● **Work item**
Give the number of lines in these entries that contain the string "IFCRELAGGREGATES", with no further comment.

[Saved data entries]
===============

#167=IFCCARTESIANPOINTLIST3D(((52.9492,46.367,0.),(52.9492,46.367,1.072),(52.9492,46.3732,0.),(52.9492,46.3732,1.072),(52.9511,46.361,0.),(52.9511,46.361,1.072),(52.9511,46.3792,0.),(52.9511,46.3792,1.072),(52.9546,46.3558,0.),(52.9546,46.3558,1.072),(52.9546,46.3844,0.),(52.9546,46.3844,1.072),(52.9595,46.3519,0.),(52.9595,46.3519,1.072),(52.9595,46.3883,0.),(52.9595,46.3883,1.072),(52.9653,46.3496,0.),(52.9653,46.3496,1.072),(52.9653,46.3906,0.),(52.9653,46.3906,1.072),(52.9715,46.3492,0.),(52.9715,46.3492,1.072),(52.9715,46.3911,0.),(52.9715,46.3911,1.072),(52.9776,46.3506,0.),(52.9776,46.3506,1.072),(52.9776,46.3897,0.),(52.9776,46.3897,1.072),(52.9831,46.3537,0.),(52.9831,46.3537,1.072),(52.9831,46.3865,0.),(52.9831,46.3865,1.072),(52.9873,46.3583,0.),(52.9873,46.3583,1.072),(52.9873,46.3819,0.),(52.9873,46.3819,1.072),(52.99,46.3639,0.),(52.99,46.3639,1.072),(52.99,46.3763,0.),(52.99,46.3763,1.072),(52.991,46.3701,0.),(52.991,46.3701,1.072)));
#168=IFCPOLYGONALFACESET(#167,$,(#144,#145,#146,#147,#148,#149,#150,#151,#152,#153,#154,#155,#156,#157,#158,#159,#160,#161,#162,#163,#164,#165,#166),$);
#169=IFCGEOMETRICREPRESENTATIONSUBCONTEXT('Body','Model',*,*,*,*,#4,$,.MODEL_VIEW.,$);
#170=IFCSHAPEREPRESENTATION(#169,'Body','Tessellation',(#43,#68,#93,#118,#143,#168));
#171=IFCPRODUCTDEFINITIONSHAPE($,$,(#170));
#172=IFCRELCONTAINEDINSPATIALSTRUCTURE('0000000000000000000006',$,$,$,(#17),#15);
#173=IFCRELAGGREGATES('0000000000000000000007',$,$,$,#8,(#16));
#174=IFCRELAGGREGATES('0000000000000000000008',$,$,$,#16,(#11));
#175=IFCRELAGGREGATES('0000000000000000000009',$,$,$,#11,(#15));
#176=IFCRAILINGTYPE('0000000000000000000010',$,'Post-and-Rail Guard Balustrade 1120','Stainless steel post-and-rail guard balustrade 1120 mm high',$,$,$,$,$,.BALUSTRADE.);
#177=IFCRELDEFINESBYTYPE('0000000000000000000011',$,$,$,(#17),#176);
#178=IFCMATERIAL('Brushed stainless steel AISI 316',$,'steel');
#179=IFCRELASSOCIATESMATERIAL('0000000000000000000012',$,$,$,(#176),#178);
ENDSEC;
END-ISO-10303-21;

===============

● **Solution to the problem**
3